Work required
Restate the data that follows exactly as it stands, beginning with the first line and ending with the line that contains "#34=IFCINDEXEDPOLYGONALFACE((1,5,6,10,9,13,14,2));".

--- Listed entries Enclosed Below ---

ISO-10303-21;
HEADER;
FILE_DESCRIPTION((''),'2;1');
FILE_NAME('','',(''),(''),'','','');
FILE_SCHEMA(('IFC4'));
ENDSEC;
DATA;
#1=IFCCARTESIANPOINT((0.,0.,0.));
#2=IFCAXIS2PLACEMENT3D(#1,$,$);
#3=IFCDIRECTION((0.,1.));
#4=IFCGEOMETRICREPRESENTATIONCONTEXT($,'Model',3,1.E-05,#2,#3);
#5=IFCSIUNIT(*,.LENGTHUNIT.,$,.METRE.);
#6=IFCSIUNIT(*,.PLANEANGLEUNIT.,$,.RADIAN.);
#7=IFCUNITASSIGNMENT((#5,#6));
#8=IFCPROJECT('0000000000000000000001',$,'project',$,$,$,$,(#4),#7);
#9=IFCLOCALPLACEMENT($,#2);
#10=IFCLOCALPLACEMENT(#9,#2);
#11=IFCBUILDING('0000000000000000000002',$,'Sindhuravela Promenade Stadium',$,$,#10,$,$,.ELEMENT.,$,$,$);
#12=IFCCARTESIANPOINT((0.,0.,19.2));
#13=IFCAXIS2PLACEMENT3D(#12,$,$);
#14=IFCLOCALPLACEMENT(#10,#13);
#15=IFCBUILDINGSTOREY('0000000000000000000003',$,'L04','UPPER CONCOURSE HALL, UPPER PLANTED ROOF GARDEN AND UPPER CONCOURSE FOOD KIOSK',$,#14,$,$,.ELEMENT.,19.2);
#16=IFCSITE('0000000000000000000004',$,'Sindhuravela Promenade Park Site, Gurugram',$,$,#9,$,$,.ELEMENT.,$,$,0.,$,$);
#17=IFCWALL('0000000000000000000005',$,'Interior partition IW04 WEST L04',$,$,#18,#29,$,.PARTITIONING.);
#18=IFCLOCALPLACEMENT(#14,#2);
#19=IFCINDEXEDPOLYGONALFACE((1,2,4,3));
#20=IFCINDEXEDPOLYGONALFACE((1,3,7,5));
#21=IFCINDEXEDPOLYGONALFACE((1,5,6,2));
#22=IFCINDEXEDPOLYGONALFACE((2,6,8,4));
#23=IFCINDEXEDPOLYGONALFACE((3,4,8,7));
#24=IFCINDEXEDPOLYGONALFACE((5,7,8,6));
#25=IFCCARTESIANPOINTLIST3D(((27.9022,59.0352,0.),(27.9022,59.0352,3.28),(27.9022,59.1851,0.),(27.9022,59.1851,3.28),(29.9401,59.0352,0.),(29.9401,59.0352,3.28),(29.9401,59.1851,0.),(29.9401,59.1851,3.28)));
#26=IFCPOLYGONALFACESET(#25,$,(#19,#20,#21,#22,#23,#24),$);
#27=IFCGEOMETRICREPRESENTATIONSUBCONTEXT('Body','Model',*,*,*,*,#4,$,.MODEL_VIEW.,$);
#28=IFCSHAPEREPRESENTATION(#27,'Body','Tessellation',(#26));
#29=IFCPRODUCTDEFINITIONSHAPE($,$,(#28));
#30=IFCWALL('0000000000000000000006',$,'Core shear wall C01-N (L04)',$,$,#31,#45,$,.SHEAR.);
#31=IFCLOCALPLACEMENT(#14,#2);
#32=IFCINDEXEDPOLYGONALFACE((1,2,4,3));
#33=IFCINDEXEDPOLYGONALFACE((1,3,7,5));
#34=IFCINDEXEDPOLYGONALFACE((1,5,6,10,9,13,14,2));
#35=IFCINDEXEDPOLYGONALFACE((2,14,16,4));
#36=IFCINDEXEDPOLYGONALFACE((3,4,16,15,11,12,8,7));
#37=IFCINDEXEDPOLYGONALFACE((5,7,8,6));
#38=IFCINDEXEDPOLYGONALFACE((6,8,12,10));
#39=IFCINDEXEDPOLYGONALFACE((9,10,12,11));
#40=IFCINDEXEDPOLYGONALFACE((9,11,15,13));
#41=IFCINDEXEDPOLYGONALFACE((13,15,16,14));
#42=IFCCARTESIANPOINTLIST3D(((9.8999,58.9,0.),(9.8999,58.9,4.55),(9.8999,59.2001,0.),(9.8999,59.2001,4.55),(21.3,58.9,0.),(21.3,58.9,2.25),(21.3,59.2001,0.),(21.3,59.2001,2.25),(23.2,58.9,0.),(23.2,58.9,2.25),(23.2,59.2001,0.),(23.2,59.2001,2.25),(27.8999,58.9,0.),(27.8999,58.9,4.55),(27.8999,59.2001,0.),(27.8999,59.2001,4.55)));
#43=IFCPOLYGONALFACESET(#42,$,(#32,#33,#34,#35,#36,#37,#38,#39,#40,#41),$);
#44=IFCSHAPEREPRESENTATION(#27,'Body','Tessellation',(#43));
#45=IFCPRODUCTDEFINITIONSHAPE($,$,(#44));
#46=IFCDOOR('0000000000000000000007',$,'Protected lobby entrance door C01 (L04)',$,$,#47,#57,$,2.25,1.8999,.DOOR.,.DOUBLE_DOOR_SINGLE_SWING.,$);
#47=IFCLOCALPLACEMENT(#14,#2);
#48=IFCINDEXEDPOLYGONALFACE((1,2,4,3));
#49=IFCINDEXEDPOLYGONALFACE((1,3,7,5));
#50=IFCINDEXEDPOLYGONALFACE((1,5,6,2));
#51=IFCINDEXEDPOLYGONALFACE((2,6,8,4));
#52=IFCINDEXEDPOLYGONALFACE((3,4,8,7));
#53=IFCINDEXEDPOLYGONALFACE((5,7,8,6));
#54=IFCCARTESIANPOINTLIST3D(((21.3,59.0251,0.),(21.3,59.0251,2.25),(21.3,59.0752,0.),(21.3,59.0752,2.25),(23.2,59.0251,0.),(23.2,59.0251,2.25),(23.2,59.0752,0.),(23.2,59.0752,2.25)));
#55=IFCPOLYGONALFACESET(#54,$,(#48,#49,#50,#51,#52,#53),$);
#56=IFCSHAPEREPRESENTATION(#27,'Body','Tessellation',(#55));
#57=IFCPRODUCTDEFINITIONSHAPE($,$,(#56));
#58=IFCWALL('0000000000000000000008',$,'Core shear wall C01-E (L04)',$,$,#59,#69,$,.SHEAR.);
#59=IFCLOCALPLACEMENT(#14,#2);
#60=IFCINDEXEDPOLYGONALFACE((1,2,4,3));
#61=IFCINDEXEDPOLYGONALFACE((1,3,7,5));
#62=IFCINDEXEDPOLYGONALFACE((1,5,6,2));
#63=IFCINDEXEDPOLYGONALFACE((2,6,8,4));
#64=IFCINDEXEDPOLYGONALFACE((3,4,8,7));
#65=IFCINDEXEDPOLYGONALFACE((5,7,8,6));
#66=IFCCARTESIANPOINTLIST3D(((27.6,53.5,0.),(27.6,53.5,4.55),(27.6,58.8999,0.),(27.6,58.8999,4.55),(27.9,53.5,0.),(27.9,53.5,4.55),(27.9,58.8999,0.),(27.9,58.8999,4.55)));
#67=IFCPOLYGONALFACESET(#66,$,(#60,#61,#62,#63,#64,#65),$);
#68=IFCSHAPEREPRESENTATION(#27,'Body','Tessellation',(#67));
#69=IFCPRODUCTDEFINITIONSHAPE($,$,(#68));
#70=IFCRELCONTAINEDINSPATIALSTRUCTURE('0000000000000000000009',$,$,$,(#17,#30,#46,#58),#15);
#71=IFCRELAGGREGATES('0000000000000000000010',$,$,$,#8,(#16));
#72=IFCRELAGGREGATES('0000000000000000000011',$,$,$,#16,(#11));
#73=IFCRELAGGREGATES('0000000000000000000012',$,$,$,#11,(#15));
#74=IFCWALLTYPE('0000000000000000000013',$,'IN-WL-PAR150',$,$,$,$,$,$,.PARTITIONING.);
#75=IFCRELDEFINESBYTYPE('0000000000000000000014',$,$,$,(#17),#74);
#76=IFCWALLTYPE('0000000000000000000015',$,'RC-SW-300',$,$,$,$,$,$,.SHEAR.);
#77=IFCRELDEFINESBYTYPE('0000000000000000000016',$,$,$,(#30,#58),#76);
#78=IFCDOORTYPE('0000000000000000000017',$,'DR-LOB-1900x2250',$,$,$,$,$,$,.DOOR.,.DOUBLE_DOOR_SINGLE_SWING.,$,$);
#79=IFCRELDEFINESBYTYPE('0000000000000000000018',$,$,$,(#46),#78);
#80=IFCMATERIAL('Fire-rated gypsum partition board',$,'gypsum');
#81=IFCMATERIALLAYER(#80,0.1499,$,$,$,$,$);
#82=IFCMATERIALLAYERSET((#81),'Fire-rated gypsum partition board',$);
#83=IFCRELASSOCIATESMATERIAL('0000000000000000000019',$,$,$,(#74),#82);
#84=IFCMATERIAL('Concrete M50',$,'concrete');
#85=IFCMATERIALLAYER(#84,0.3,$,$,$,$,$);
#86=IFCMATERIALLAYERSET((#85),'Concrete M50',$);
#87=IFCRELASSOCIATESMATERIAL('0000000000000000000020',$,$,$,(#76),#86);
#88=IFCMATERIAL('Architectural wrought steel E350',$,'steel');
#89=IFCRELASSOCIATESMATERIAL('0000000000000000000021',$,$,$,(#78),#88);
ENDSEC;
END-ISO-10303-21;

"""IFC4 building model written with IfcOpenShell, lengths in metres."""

from ifc_helpers import new_model, si_unit, direction, frame, frame_2d, origin, place, context, subcontext, project, spatial, rectangle, extrude, material, layer, layer_set, type_object, element, fill, save


model = new_model("IFC4")

# Units and contexts
model_context = context("Model", 3, precision=1e-05, world=origin(), true_north=direction((0.0, 1.0)))
body_context = subcontext(model_context, "Body", "Model", "MODEL_VIEW")
ifc_project = project(units=[si_unit("LENGTHUNIT", "METRE"), si_unit("PLANEANGLEUNIT", "RADIAN")], contexts=[model_context])

# Site, building, storey
site_placement = place(None, origin())
site = spatial("IfcSite", under=ifc_project, at=site_placement, Name="Sindhuravela Promenade Park Site, Gurugram", CompositionType="ELEMENT", RefElevation=0.0)
building_placement = place(site_placement, origin())
building = spatial("IfcBuilding", under=site, at=building_placement, Name="Sindhuravela Promenade Stadium", CompositionType="ELEMENT")
storey_placement = place(building_placement, frame((0.0, 0.0, 19.2)))
storey = spatial("IfcBuildingStorey", under=building, at=storey_placement, Name="L04", Description="UPPER CONCOURSE HALL, UPPER PLANTED ROOF GARDEN AND UPPER CONCOURSE FOOD KIOSK", CompositionType="ELEMENT", Elevation=19.2)

# Shared definitions
ifc_material_1 = material(Name="Concrete M50", Category="concrete")

# Shared definitions
ifc_material_2 = material(Name="Fire-rated gypsum partition board", Category="gypsum")

# Wall
ifc_layer_1 = layer(ifc_material_2, 0.1499)
ifc_layer_set_1 = layer_set([ifc_layer_1], Name="Fire-rated gypsum partition board")
wall_type_1 = type_object("IfcWallType", Name="IN-WL-PAR150", PredefinedType="PARTITIONING", material=ifc_layer_set_1)
wall_1_placement = place(storey_placement, frame((27.9021, 59.1101, 0.0), z_axis=(0.0, 0.0, 1.0), x_axis=(1.0, 0.0, 0.0)))
element("IfcWall", 1, at=wall_1_placement, inside=storey, type_object=wall_type_1, Name="Interior partition IW04 WEST L04", PredefinedType="PARTITIONING", context=body_context, shape_type="SweptSolid", body=[
    extrude(rectangle(XDim=2.0378, YDim=0.1499, at=frame_2d((1.019, 0.0))), origin(), (0.0, 0.0, 1.0), 3.28),
])

# Wall, opening, door
ifc_layer_2 = layer(ifc_material_1, 0.3)
ifc_layer_set_2 = layer_set([ifc_layer_2], Name="Concrete M50")
wall_type_2 = type_object("IfcWallType", Name="RC-SW-300", PredefinedType="SHEAR", material=ifc_layer_set_2)
wall_2_placement = place(storey_placement, frame((27.8999, 59.05, 0.0), z_axis=(0.0, 0.0, 1.0), x_axis=(-1.0, 0.0, 0.0)))
wall_2 = element("IfcWall", 2, at=wall_2_placement, inside=storey, type_object=wall_type_2, Name="Core shear wall C01-N (L04)", PredefinedType="SHEAR", context=body_context, shape_type="SweptSolid", body=[
    extrude(rectangle(XDim=18.0, YDim=0.3, at=frame_2d((9.0, 0.0))), origin(), (0.0, 0.0, 1.0), 4.55),
])
opening_1_placement = place(wall_2_placement, frame((4.7, 0.0, 0.0)))
opening_1 = element("IfcOpeningElement", 3, at=opening_1_placement, cuts=wall_2, PredefinedType="OPENING", context=body_context, shape_type="SweptSolid", body=[
    extrude(rectangle(XDim=1.8999, YDim=2.25, at=frame_2d((0.95, 1.125))), frame((0.0, 0.1599, 0.0), z_axis=(0.0, -1.0, 0.0), x_axis=(1.0, 0.0, 0.0)), (0.0, 0.0, 1.0), 0.3201),
])
ifc_material_3 = material(Name="Architectural wrought steel E350", Category="steel")
door_type_1 = type_object("IfcDoorType", Name="DR-LOB-1900x2250", OperationType="DOUBLE_DOOR_SINGLE_SWING", PredefinedType="DOOR", material=ifc_material_3)
door_1_placement = place(opening_1_placement, origin())
door_1 = element("IfcDoor", 4, at=door_1_placement, inside=storey, type_object=door_type_1, Name="Protected lobby entrance door C01 (L04)", OperationType="DOUBLE_DOOR_SINGLE_SWING", OverallHeight=2.25, OverallWidth=1.8999, PredefinedType="DOOR", context=body_context, shape_type="SweptSolid", body=[
    extrude(rectangle(XDim=1.8999, YDim=2.25, at=frame_2d((0.95, 1.125))), frame((0.0, 0.0249, 0.0), z_axis=(0.0, -1.0, 0.0), x_axis=(1.0, 0.0, 0.0)), (0.0, 0.0, 1.0), 0.05),
])
fill(opening_1, door_1)

# Wall
wall_3_placement = place(storey_placement, frame((27.75, 53.5, 0.0), z_axis=(0.0, 0.0, 1.0), x_axis=(0.0, 1.0, 0.0)))
element("IfcWall", 5, at=wall_3_placement, inside=storey, type_object=wall_type_2, Name="Core shear wall C01-E (L04)", PredefinedType="SHEAR", context=body_context, shape_type="SweptSolid", body=[
    extrude(rectangle(XDim=5.3999, YDim=0.3, at=frame_2d((2.7, 0.0))), origin(), (0.0, 0.0, 1.0), 4.55),
])

save(model, "model.ifc")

--- End of Enclosed Listed entries ---

Task answer
ISO-10303-21;
HEADER;
FILE_DESCRIPTION((''),'2;1');
FILE_NAME('','',(''),(''),'','','');
FILE_SCHEMA(('IFC4'));
ENDSEC;
DATA;
#1=IFCCARTESIANPOINT((0.,0.,0.));
#2=IFCAXIS2PLACEMENT3D(#1,$,$);
#3=IFCDIRECTION((0.,1.));
#4=IFCGEOMETRICREPRESENTATIONCONTEXT($,'Model',3,1.E-05,#2,#3);
#5=IFCSIUNIT(*,.LENGTHUNIT.,$,.METRE.);
#6=IFCSIUNIT(*,.PLANEANGLEUNIT.,$,.RADIAN.);
#7=IFCUNITASSIGNMENT((#5,#6));
#8=IFCPROJECT('0000000000000000000001',$,'project',$,$,$,$,(#4),#7);
#9=IFCLOCALPLACEMENT($,#2);
#10=IFCLOCALPLACEMENT(#9,#2);
#11=IFCBUILDING('0000000000000000000002',$,'Sindhuravela Promenade Stadium',$,$,#10,$,$,.ELEMENT.,$,$,$);
#12=IFCCARTESIANPOINT((0.,0.,19.2));
#13=IFCAXIS2PLACEMENT3D(#12,$,$);
#14=IFCLOCALPLACEMENT(#10,#13);
#15=IFCBUILDINGSTOREY('0000000000000000000003',$,'L04','UPPER CONCOURSE HALL, UPPER PLANTED ROOF GARDEN AND UPPER CONCOURSE FOOD KIOSK',$,#14,$,$,.ELEMENT.,19.2);
#16=IFCSITE('0000000000000000000004',$,'Sindhuravela Promenade Park Site, Gurugram',$,$,#9,$,$,.ELEMENT.,$,$,0.,$,$);
#17=IFCWALL('0000000000000000000005',$,'Interior partition IW04 WEST L04',$,$,#18,#29,$,.PARTITIONING.);
#18=IFCLOCALPLACEMENT(#14,#2);
#19=IFCINDEXEDPOLYGONALFACE((1,2,4,3));
#20=IFCINDEXEDPOLYGONALFACE((1,3,7,5));
#21=IFCINDEXEDPOLYGONALFACE((1,5,6,2));
#22=IFCINDEXEDPOLYGONALFACE((2,6,8,4));
#23=IFCINDEXEDPOLYGONALFACE((3,4,8,7));
#24=IFCINDEXEDPOLYGONALFACE((5,7,8,6));
#25=IFCCARTESIANPOINTLIST3D(((27.9022,59.0352,0.),(27.9022,59.0352,3.28),(27.9022,59.1851,0.),(27.9022,59.1851,3.28),(29.9401,59.0352,0.),(29.9401,59.0352,3.28),(29.9401,59.1851,0.),(29.9401,59.1851,3.28)));
#26=IFCPOLYGONALFACESET(#25,$,(#19,#20,#21,#22,#23,#24),$);
#27=IFCGEOMETRICREPRESENTATIONSUBCONTEXT('Body','Model',*,*,*,*,#4,$,.MODEL_VIEW.,$);
#28=IFCSHAPEREPRESENTATION(#27,'Body','Tessellation',(#26));
#29=IFCPRODUCTDEFINITIONSHAPE($,$,(#28));
#30=IFCWALL('0000000000000000000006',$,'Core shear wall C01-N (L04)',$,$,#31,#45,$,.SHEAR.);
#31=IFCLOCALPLACEMENT(#14,#2);
#32=IFCINDEXEDPOLYGONALFACE((1,2,4,3));
#33=IFCINDEXEDPOLYGONALFACE((1,3,7,5));
#34=IFCINDEXEDPOLYGONALFACE((1,5,6,10,9,13,14,2));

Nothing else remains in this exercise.